**EXERCISE DIRECTIONS:**
Find the line with "world=origin(), true_north=direction((0.0, 1.0)))" and the line with "site_placement = place(None, origin())" in the entries below; output exactly those two lines, every line between them, and no others.

[[ LISTED RECORDS, beginning ]]

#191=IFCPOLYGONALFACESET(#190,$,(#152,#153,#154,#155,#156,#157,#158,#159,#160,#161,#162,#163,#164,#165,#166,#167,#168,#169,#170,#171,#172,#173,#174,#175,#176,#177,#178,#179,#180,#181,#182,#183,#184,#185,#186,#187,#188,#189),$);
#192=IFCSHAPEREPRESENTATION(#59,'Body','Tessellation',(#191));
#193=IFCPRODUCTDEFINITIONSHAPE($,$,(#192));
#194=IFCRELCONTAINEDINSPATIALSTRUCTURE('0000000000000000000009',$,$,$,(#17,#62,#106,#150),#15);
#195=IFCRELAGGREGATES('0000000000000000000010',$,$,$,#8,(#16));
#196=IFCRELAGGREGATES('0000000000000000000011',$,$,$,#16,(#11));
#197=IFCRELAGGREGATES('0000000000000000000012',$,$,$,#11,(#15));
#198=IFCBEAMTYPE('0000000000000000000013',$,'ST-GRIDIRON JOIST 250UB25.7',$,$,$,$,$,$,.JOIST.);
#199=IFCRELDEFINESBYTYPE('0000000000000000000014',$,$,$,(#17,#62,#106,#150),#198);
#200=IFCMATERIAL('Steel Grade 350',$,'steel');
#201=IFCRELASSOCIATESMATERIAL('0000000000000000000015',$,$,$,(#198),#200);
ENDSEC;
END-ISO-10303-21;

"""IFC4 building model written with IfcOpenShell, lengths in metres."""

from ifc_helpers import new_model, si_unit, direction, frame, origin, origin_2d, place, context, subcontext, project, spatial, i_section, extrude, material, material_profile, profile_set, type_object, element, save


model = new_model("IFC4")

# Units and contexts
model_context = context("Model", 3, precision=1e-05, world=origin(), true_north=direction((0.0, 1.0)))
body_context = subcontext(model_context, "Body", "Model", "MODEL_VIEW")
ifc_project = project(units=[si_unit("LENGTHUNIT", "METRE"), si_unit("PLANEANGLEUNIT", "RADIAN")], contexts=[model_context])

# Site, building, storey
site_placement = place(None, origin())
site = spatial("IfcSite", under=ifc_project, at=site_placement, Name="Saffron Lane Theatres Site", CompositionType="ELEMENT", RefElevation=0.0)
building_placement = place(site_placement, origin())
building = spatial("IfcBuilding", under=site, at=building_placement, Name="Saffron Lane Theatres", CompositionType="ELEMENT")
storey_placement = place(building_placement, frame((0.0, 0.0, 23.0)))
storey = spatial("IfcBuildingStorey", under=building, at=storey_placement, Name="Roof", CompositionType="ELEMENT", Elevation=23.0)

[[ LISTED RECORDS, end ]]

**ANSWER:**
model_context = context("Model", 3, precision=1e-05, world=origin(), true_north=direction((0.0, 1.0)))
body_context = subcontext(model_context, "Body", "Model", "MODEL_VIEW")
ifc_project = project(units=[si_unit("LENGTHUNIT", "METRE"), si_unit("PLANEANGLEUNIT", "RADIAN")], contexts=[model_context])

# Site, building, storey
site_placement = place(None, origin())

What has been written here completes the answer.